Assigned task: Would you transcribe exactly the lines below, starting at the one that contains "#214=IFCMATERIAL('Concrete C40/50',$,'concrete');" and ending with the last line, both included? Leave out all other lines.

Dataset extract:
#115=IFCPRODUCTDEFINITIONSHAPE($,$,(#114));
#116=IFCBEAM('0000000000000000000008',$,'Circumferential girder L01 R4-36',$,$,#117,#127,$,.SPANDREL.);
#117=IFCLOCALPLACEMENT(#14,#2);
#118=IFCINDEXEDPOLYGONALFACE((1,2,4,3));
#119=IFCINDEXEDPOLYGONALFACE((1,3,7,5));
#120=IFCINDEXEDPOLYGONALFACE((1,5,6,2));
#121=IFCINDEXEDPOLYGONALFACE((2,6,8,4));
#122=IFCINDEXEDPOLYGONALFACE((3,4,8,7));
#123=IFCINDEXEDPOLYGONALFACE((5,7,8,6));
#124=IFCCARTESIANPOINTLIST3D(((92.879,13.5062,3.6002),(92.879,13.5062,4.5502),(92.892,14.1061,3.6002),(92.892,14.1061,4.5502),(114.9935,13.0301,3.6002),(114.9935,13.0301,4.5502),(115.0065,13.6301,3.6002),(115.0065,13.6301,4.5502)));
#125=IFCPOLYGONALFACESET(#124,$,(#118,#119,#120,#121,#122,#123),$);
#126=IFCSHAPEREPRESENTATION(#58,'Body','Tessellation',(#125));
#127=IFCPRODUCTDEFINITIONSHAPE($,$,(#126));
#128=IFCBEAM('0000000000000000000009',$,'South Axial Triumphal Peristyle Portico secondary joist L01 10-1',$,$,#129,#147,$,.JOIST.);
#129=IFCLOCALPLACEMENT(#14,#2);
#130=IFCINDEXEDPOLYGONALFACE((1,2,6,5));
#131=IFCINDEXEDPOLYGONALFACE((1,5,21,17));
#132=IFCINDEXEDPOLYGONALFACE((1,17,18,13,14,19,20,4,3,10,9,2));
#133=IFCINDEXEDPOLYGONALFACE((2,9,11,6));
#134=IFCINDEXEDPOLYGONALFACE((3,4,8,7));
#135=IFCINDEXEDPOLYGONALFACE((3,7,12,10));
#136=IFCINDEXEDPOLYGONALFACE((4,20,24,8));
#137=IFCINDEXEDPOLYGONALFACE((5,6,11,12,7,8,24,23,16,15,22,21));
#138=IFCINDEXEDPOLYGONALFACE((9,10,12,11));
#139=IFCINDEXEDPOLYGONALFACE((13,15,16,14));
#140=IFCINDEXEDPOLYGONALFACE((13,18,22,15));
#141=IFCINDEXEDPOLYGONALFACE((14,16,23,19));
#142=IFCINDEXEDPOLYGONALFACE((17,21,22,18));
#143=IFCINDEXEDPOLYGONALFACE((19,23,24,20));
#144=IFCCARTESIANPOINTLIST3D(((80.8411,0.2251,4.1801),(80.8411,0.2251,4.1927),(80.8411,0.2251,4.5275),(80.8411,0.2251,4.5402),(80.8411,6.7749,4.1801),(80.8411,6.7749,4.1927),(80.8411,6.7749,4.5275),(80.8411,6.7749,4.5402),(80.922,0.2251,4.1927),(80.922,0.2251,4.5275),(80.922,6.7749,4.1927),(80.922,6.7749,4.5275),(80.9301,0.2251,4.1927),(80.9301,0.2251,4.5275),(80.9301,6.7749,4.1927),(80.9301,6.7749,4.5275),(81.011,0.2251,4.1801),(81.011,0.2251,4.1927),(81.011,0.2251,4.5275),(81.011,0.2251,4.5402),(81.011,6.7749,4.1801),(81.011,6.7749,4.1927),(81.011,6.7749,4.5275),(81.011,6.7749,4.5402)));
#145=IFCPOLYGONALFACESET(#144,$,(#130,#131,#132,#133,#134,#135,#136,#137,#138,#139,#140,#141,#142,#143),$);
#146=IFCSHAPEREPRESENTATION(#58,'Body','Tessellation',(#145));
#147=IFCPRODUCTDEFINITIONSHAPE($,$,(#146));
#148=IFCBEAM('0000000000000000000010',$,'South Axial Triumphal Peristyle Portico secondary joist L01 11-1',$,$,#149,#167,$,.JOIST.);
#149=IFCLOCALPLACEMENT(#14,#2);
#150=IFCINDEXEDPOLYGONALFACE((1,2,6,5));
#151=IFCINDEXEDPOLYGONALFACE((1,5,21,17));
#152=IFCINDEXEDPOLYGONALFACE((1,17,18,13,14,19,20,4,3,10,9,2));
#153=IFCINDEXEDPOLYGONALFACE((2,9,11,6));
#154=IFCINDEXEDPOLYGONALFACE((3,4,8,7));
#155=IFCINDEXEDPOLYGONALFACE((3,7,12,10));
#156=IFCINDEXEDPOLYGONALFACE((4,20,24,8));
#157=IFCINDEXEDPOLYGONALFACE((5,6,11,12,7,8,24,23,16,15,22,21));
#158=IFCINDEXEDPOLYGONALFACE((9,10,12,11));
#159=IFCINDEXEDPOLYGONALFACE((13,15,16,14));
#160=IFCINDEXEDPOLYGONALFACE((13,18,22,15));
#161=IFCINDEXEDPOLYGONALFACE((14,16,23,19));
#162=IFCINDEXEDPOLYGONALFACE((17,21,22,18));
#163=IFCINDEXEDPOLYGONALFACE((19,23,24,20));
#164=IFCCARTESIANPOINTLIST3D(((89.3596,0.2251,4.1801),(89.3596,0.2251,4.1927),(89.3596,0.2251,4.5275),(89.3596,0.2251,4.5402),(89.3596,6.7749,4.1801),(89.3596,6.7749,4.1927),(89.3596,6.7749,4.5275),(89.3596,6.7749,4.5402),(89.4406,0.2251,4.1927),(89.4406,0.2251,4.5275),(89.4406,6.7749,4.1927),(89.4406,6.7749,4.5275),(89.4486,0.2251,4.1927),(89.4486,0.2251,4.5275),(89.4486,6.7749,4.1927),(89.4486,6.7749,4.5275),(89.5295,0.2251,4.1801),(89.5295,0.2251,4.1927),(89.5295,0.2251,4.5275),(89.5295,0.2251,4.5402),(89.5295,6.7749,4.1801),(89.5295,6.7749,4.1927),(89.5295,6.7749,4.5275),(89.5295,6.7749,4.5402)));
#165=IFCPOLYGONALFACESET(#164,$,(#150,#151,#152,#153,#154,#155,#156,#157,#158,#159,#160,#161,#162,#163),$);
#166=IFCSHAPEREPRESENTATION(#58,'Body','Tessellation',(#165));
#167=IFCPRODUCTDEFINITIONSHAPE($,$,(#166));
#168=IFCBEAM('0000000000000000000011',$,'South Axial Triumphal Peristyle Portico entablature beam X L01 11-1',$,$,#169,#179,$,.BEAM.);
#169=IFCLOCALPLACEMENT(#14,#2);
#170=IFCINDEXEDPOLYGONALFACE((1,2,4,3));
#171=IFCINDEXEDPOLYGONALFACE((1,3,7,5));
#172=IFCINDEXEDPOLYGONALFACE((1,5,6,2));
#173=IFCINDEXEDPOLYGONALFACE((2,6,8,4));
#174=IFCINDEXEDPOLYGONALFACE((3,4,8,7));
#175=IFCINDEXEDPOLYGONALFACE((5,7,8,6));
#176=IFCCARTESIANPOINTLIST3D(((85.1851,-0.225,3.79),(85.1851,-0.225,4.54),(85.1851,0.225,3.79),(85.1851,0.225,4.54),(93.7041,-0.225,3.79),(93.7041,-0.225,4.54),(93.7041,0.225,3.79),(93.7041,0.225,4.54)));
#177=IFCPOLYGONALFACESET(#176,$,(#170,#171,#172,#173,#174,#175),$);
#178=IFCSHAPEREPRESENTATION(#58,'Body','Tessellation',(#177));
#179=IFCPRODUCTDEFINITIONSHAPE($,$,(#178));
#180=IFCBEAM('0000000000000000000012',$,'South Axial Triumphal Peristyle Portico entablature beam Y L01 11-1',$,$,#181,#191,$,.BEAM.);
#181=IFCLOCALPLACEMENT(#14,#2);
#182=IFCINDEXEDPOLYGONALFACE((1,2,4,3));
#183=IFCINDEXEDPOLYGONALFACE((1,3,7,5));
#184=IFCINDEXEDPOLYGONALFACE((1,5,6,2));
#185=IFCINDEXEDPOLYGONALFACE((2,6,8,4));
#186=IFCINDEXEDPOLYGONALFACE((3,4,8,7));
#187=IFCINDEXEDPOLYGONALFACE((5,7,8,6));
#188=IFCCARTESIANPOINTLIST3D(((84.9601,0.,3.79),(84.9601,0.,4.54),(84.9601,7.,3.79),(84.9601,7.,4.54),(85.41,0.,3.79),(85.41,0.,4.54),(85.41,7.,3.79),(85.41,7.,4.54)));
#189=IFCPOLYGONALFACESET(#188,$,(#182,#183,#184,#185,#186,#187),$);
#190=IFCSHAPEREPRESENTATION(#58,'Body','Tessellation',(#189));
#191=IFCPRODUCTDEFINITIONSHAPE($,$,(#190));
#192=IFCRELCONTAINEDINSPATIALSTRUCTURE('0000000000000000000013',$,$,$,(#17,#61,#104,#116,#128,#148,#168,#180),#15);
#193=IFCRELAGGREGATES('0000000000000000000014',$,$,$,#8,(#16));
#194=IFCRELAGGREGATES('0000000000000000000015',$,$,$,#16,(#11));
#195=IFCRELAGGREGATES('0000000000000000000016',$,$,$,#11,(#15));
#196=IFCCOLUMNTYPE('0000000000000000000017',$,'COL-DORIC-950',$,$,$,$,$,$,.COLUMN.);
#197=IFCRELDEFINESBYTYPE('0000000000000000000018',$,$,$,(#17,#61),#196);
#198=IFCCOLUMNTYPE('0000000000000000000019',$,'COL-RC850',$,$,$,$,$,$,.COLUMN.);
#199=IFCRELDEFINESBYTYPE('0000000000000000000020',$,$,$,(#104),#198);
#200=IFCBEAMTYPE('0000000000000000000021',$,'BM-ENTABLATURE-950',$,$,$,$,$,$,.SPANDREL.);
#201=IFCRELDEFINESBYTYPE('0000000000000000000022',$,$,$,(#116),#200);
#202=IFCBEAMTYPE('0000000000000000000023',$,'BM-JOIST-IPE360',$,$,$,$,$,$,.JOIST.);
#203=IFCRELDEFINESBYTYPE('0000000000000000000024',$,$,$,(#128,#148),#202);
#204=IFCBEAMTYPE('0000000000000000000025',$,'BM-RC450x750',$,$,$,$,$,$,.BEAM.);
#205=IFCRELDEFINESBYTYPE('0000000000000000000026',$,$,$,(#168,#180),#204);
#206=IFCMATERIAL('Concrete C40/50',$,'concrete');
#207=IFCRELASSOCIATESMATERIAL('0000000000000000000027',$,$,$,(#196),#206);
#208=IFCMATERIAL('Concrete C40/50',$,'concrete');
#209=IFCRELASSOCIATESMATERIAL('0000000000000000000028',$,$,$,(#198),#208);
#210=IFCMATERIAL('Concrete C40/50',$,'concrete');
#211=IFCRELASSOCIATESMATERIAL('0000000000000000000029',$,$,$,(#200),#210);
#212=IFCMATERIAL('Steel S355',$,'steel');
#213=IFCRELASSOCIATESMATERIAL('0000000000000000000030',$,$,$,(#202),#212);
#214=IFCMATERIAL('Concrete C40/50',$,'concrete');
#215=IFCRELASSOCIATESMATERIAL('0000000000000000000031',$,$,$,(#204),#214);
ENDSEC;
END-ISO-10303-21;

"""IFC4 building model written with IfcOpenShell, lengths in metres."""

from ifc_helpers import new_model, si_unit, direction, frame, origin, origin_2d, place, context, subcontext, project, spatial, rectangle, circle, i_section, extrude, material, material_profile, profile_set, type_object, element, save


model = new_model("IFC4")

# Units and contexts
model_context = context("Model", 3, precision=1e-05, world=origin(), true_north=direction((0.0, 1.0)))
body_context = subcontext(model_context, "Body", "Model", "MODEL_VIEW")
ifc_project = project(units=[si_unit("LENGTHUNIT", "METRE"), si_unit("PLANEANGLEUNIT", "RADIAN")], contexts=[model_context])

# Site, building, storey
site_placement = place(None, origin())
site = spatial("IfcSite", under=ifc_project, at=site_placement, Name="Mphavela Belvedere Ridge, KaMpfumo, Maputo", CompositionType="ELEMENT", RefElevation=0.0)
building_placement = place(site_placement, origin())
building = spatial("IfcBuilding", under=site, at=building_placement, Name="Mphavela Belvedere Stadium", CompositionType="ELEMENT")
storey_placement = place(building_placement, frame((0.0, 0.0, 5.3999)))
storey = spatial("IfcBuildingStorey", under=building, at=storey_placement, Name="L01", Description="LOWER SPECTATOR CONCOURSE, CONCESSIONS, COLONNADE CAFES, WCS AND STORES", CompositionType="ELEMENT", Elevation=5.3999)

Answer box:
#214=IFCMATERIAL('Concrete C40/50',$,'concrete');
#215=IFCRELASSOCIATESMATERIAL('0000000000000000000031',$,$,$,(#204),#214);
ENDSEC;
END-ISO-10303-21;

"""IFC4 building model written with IfcOpenShell, lengths in metres."""

from ifc_helpers import new_model, si_unit, direction, frame, origin, origin_2d, place, context, subcontext, project, spatial, rectangle, circle, i_section, extrude, material, material_profile, profile_set, type_object, element, save


model = new_model("IFC4")

# Units and contexts
model_context = context("Model", 3, precision=1e-05, world=origin(), true_north=direction((0.0, 1.0)))
body_context = subcontext(model_context, "Body", "Model", "MODEL_VIEW")
ifc_project = project(units=[si_unit("LENGTHUNIT", "METRE"), si_unit("PLANEANGLEUNIT", "RADIAN")], contexts=[model_context])

# Site, building, storey
site_placement = place(None, origin())
site = spatial("IfcSite", under=ifc_project, at=site_placement, Name="Mphavela Belvedere Ridge, KaMpfumo, Maputo", CompositionType="ELEMENT", RefElevation=0.0)
building_placement = place(site_placement, origin())
building = spatial("IfcBuilding", under=site, at=building_placement, Name="Mphavela Belvedere Stadium", CompositionType="ELEMENT")
storey_placement = place(building_placement, frame((0.0, 0.0, 5.3999)))
storey = spatial("IfcBuildingStorey", under=building, at=storey_placement, Name="L01", Description="LOWER SPECTATOR CONCOURSE, CONCESSIONS, COLONNADE CAFES, WCS AND STORES", CompositionType="ELEMENT", Elevation=5.3999)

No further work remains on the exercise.